» TASK STATEMENT:
Please take the lines from the one holding "#5=IFCSIUNIT(*,.LENGTHUNIT.,$,.METRE.);" through the one holding "#10=IFCLOCALPLACEMENT(#9,#2);" in the data below and copy them exactly.

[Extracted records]

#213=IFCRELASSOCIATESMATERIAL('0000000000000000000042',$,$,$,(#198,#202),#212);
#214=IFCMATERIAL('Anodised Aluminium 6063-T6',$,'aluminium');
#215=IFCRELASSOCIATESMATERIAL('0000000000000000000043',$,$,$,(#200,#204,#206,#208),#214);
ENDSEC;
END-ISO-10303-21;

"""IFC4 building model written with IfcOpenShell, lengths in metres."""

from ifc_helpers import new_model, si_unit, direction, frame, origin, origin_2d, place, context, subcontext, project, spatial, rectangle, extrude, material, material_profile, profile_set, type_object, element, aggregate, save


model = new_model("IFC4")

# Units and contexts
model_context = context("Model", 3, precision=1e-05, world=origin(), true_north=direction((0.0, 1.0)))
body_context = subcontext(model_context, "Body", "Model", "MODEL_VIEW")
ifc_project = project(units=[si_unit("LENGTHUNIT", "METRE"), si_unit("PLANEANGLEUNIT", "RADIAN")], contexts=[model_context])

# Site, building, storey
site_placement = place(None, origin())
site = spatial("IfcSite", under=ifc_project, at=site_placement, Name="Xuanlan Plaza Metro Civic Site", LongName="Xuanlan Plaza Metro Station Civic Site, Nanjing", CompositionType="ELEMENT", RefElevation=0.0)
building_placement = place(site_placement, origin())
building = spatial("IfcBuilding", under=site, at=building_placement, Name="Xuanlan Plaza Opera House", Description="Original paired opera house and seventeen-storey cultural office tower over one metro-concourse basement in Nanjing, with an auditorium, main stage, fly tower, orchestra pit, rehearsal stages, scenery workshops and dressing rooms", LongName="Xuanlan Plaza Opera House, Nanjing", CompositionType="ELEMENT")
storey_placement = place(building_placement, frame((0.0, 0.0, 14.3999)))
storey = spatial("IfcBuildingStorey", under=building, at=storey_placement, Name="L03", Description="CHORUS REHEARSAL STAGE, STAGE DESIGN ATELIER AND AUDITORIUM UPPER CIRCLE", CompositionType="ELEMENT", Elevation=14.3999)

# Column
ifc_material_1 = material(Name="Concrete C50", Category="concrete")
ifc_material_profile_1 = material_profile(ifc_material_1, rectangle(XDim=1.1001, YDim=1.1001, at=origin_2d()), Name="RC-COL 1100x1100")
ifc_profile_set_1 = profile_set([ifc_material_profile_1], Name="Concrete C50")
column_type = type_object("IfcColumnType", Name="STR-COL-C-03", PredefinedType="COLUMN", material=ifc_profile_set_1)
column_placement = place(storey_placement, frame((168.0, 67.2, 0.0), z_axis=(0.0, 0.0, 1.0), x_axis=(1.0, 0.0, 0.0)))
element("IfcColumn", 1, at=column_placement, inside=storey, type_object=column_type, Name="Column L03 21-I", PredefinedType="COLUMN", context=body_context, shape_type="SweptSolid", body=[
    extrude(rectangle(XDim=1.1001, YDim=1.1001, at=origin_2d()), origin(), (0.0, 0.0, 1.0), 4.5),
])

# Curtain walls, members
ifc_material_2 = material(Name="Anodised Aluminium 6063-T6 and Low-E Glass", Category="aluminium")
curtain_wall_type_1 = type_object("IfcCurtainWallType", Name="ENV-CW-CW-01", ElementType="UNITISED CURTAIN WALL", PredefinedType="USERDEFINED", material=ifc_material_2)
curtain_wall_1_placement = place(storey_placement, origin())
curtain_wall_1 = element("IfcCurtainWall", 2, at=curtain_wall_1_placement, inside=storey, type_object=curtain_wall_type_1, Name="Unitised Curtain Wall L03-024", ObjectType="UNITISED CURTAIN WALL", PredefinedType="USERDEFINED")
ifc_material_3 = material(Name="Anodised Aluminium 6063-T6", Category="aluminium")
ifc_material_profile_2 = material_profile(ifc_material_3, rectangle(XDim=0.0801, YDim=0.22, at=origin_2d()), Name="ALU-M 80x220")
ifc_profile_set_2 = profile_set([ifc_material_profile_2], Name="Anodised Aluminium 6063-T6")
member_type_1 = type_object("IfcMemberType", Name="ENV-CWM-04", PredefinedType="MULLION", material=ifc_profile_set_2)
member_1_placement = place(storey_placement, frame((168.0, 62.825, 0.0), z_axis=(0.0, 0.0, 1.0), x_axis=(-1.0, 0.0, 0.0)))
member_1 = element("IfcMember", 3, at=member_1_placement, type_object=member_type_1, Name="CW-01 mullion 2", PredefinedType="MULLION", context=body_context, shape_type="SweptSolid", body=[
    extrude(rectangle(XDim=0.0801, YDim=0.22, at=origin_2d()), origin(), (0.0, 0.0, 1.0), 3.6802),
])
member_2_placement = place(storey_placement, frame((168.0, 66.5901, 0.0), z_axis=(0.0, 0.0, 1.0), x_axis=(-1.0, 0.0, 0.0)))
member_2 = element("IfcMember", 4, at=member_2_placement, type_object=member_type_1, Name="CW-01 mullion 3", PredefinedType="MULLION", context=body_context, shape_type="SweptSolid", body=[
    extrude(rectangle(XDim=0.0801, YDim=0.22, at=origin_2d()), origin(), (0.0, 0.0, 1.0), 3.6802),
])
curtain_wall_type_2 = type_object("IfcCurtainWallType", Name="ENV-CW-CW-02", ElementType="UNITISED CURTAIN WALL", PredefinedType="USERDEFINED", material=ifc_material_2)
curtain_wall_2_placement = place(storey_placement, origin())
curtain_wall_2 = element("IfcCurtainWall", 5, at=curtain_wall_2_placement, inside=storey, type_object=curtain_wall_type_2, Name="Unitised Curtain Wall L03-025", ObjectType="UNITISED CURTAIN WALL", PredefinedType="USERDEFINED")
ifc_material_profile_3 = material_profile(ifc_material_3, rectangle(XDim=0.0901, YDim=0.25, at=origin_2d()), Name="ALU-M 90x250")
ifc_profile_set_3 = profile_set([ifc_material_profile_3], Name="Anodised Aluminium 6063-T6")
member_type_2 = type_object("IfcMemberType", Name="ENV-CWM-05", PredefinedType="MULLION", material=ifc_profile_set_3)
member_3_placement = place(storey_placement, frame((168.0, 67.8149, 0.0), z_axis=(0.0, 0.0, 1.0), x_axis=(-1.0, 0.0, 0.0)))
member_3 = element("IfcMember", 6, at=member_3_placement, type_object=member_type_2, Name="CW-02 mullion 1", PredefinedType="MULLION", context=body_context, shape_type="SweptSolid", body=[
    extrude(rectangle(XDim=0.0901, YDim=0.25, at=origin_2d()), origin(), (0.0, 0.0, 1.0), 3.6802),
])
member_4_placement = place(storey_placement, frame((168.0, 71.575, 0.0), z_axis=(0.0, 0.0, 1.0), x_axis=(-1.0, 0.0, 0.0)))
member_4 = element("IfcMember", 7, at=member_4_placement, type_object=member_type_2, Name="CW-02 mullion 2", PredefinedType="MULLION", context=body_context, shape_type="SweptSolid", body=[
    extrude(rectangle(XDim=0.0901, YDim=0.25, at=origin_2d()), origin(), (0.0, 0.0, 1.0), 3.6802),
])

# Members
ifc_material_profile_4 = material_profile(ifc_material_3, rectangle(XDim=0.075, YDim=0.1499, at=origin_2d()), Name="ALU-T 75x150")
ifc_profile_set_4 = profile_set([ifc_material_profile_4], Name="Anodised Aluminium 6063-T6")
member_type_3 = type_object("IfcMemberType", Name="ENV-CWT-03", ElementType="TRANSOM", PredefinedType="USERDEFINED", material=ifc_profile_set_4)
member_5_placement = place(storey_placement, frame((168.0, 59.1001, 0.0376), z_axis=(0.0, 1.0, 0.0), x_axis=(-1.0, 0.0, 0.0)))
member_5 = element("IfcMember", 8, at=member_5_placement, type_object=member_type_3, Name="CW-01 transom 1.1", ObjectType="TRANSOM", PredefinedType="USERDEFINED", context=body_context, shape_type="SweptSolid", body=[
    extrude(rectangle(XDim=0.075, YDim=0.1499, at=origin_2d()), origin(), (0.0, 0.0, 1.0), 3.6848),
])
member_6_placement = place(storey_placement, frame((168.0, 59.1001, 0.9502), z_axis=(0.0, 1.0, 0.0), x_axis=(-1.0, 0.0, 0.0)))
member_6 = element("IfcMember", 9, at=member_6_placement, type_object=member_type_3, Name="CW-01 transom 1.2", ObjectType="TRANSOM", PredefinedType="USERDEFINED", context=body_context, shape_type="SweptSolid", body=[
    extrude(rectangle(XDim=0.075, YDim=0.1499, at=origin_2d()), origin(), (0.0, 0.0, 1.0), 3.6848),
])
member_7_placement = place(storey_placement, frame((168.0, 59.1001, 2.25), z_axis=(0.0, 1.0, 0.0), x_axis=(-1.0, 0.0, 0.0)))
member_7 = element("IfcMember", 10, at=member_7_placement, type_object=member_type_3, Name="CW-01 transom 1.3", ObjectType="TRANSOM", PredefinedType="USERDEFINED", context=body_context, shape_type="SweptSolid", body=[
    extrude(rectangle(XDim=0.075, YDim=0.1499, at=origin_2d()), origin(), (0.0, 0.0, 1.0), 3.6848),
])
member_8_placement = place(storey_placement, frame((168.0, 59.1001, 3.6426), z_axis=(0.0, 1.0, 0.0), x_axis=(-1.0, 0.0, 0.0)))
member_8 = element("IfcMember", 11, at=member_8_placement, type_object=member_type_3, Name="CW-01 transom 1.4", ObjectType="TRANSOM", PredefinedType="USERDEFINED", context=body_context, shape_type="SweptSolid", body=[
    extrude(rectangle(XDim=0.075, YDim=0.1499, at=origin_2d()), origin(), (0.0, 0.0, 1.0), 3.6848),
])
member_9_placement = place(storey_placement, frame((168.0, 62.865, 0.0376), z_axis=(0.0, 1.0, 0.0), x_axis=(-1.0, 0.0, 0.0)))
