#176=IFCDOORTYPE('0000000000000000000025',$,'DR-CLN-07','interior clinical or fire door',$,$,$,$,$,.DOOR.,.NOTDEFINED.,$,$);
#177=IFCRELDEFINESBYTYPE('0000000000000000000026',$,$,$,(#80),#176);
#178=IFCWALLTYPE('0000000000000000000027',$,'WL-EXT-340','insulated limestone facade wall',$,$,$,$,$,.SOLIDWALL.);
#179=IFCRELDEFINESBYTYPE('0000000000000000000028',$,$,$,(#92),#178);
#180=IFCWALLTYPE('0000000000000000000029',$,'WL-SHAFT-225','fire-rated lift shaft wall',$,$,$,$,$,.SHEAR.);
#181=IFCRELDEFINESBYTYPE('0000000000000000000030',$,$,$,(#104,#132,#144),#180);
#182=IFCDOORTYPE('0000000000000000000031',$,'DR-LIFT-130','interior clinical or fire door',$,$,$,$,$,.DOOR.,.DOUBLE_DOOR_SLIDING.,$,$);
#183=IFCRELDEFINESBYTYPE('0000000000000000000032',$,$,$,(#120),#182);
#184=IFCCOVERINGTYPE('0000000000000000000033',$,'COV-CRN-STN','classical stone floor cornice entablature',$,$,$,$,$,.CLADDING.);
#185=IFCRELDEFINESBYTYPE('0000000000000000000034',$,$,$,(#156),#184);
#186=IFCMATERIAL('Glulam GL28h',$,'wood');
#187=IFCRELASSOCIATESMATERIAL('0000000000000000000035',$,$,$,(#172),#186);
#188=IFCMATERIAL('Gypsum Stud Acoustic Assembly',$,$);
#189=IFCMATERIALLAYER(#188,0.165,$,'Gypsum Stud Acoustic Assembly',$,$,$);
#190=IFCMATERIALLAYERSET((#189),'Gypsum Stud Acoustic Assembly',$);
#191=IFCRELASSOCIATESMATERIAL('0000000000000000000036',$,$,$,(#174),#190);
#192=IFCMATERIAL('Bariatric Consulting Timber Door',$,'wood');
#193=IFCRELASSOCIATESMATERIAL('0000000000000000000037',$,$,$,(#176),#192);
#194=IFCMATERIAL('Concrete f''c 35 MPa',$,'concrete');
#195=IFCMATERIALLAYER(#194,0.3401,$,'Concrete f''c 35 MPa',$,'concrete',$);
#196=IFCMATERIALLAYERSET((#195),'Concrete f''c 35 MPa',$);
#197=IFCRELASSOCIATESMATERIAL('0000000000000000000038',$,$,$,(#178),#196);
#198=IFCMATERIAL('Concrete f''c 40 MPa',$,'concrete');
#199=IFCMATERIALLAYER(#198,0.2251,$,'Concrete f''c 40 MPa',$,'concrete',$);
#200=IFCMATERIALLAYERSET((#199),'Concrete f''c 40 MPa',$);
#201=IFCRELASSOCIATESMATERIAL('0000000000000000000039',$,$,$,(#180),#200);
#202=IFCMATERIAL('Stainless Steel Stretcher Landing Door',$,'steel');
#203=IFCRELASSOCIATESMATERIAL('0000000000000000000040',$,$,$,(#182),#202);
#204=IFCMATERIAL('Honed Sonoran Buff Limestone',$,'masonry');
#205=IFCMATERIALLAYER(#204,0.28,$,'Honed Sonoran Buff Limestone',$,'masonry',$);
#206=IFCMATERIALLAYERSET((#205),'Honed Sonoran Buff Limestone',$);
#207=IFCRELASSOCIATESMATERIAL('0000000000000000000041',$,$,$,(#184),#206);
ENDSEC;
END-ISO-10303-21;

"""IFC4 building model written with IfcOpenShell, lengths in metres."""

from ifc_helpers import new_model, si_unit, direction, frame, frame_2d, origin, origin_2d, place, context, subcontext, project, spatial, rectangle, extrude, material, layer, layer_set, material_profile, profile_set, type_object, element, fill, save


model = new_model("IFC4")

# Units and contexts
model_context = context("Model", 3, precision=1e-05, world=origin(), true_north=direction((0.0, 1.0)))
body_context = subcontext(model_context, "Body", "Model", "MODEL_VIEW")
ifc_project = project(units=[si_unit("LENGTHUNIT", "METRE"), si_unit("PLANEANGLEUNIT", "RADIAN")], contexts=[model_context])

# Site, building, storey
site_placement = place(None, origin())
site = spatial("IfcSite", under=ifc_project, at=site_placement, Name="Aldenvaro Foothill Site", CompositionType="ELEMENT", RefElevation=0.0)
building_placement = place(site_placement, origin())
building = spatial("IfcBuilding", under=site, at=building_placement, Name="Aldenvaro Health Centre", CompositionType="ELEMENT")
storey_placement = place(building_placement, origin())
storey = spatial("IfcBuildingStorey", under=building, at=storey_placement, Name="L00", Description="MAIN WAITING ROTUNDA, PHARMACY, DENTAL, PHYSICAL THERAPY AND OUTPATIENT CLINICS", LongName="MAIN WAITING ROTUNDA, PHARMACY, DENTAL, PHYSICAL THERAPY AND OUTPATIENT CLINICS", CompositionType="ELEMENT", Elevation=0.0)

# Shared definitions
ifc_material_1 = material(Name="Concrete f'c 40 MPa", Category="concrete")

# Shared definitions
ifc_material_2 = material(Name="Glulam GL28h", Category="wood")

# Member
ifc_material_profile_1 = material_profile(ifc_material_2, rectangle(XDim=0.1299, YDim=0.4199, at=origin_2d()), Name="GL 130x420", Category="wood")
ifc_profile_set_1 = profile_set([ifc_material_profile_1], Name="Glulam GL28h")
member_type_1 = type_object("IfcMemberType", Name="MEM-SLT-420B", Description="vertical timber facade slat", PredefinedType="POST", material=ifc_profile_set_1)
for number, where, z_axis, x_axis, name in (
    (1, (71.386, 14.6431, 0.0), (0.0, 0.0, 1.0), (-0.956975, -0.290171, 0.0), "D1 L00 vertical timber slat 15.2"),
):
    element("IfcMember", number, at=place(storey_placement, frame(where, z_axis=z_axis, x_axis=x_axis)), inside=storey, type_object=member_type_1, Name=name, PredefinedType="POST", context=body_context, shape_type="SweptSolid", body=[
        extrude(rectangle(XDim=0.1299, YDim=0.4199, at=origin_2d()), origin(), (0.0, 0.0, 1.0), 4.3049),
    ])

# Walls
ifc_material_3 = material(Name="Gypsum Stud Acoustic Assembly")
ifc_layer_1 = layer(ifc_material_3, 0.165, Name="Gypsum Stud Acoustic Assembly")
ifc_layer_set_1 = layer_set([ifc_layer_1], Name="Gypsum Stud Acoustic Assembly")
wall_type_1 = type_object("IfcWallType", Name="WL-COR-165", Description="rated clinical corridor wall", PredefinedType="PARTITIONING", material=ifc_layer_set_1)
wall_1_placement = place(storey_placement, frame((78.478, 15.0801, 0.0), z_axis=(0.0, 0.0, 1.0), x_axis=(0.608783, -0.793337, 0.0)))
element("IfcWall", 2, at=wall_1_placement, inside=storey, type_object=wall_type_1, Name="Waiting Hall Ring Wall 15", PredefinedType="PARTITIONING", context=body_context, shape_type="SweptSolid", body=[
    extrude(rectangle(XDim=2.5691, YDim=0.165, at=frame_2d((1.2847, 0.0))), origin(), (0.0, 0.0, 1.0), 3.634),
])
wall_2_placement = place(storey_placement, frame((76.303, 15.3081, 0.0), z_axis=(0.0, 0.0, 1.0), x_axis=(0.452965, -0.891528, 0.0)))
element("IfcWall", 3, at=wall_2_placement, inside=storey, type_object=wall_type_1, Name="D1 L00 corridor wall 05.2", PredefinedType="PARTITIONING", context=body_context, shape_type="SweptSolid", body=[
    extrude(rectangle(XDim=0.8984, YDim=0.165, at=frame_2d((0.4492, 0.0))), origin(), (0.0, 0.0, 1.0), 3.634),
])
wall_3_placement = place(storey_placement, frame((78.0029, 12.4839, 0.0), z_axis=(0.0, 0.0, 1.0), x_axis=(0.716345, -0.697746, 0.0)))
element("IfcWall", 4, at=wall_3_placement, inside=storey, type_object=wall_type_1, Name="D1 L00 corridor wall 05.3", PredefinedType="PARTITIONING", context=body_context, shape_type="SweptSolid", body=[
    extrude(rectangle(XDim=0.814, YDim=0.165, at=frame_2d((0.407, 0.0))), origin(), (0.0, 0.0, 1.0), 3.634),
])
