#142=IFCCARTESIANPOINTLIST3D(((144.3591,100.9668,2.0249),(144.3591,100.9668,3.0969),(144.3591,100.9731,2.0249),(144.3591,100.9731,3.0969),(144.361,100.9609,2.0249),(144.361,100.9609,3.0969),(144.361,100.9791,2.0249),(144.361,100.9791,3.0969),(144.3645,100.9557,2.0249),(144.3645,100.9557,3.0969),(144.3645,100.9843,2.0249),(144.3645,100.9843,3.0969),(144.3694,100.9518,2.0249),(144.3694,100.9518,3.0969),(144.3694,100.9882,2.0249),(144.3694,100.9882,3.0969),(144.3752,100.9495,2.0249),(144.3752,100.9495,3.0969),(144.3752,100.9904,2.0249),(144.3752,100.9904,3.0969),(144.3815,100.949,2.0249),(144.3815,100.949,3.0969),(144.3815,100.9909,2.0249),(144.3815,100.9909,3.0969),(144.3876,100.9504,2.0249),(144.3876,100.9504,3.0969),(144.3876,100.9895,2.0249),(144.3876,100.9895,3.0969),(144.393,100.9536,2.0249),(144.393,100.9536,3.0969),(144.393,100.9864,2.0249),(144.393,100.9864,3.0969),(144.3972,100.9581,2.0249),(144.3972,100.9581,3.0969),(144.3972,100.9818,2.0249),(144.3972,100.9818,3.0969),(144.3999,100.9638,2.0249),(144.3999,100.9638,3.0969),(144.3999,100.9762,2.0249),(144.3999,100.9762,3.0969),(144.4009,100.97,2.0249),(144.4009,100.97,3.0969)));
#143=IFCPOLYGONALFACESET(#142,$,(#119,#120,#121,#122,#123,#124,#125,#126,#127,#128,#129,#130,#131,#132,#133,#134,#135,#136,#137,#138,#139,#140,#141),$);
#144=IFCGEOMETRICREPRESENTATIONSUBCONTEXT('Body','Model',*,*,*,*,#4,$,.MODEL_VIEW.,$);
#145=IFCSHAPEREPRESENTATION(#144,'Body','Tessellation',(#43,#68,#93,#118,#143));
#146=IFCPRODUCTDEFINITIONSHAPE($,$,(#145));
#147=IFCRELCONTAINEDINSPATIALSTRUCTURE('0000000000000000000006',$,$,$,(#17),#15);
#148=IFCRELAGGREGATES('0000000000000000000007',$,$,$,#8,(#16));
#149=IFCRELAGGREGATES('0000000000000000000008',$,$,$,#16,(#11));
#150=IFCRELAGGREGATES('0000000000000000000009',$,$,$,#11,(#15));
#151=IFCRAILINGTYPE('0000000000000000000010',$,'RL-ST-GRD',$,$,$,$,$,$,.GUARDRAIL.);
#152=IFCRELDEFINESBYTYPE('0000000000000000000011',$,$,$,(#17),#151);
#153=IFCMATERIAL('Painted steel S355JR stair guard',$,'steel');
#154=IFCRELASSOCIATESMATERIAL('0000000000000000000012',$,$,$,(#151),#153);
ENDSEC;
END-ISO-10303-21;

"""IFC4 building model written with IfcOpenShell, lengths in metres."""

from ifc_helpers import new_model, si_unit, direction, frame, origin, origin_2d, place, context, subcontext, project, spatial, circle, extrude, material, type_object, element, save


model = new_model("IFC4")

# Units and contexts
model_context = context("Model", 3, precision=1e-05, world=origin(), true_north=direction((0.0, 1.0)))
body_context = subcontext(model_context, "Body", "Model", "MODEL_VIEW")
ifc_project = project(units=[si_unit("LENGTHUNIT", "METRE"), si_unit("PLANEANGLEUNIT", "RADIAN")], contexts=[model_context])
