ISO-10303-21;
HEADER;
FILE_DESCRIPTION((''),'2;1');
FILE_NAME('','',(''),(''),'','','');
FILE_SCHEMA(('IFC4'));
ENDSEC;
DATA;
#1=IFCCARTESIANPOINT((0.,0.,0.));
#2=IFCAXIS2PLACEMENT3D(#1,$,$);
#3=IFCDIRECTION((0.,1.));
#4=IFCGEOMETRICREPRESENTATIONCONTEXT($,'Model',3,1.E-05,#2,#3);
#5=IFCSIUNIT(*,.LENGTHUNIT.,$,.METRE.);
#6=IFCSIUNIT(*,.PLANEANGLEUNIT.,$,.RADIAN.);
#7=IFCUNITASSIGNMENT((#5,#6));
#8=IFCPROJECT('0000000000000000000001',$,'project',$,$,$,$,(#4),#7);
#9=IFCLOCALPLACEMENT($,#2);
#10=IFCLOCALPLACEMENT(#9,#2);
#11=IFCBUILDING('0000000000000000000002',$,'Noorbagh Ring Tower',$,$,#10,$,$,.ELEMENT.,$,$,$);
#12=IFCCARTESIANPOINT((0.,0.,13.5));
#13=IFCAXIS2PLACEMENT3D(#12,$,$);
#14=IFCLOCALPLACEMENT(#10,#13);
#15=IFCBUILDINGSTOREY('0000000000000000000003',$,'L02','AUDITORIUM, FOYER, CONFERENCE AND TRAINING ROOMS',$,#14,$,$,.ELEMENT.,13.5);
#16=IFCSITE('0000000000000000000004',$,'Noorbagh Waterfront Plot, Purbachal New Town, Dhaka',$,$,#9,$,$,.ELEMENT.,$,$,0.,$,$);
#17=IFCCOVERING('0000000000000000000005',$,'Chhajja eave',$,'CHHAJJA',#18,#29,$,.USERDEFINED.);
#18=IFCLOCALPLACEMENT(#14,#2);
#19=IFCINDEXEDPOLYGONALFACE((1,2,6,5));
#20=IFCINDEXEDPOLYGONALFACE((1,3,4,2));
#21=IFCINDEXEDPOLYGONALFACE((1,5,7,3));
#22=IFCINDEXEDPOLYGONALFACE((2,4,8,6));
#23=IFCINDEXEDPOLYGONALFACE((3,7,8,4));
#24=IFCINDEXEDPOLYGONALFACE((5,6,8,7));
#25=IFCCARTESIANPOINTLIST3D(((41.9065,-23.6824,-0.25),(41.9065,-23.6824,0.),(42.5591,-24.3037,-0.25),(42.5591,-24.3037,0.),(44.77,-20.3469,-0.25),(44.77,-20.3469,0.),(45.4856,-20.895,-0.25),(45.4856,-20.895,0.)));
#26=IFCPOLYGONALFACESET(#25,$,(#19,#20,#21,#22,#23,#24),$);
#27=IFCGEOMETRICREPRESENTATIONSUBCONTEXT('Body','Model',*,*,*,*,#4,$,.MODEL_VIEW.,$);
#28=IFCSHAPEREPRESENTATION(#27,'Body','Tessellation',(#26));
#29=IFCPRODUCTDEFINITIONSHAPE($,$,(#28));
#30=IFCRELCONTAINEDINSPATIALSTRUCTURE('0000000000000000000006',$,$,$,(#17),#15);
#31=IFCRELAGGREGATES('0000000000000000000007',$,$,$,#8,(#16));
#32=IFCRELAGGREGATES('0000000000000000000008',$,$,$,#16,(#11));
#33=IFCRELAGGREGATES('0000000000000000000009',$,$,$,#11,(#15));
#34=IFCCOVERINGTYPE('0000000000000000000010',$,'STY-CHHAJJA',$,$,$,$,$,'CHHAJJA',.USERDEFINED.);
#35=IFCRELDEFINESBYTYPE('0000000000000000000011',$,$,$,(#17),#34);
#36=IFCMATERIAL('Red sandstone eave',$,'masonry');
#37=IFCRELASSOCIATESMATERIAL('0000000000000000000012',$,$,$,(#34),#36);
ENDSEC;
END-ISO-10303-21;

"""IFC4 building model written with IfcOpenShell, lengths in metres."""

from ifc_helpers import new_model, si_unit, direction, frame, origin, place, context, subcontext, project, spatial, polyline, outline, extrude, material, type_object, element, save


model = new_model("IFC4")

# Units and contexts
model_context = context("Model", 3, precision=1e-05, world=origin(), true_north=direction((0.0, 1.0)))
body_context = subcontext(model_context, "Body", "Model", "MODEL_VIEW")
ifc_project = project(units=[si_unit("LENGTHUNIT", "METRE"), si_unit("PLANEANGLEUNIT", "RADIAN")], contexts=[model_context])

# Site, building, storey
site_placement = place(None, origin())
site = spatial("IfcSite", under=ifc_project, at=site_placement, Name="Noorbagh Waterfront Plot, Purbachal New Town, Dhaka", CompositionType="ELEMENT", RefElevation=0.0)
building_placement = place(site_placement, origin())
building = spatial("IfcBuilding", under=site, at=building_placement, Name="Noorbagh Ring Tower", CompositionType="ELEMENT")
storey_placement = place(building_placement, frame((0.0, 0.0, 13.5)))
storey = spatial("IfcBuildingStorey", under=building, at=storey_placement, Name="L02", Description="AUDITORIUM, FOYER, CONFERENCE AND TRAINING ROOMS", CompositionType="ELEMENT", Elevation=13.5)

# Covering
ifc_material_1 = material(Name="Red sandstone eave", Category="masonry")
covering_type = type_object("IfcCoveringType", Name="STY-CHHAJJA", ElementType="CHHAJJA", PredefinedType="USERDEFINED", material=ifc_material_1)
covering_1_placement = place(storey_placement, frame((0.0, 0.0, -0.25)))
element("IfcCovering", 1, at=covering_1_placement, inside=storey, type_object=covering_type, Name="Chhajja eave", ObjectType="CHHAJJA", PredefinedType="USERDEFINED", context=body_context, shape_type="SweptSolid", body=[
    extrude(outline(polyline([(41.9065, -23.6824), (44.77, -20.3469), (45.4856, -20.895), (42.5591, -24.3037), (41.9065, -23.6824)])), origin(), (0.0, 0.0, 1.0), 0.25),
])

save(model, "model.ifc")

» THE COMPLETED TASK:
#5=IFCSIUNIT(*,.LENGTHUNIT.,$,.METRE.);
#6=IFCSIUNIT(*,.PLANEANGLEUNIT.,$,.RADIAN.);
#7=IFCUNITASSIGNMENT((#5,#6));
#8=IFCPROJECT('0000000000000000000001',$,'project',$,$,$,$,(#4),#7);
#9=IFCLOCALPLACEMENT($,#2);
#10=IFCLOCALPLACEMENT(#9,#2);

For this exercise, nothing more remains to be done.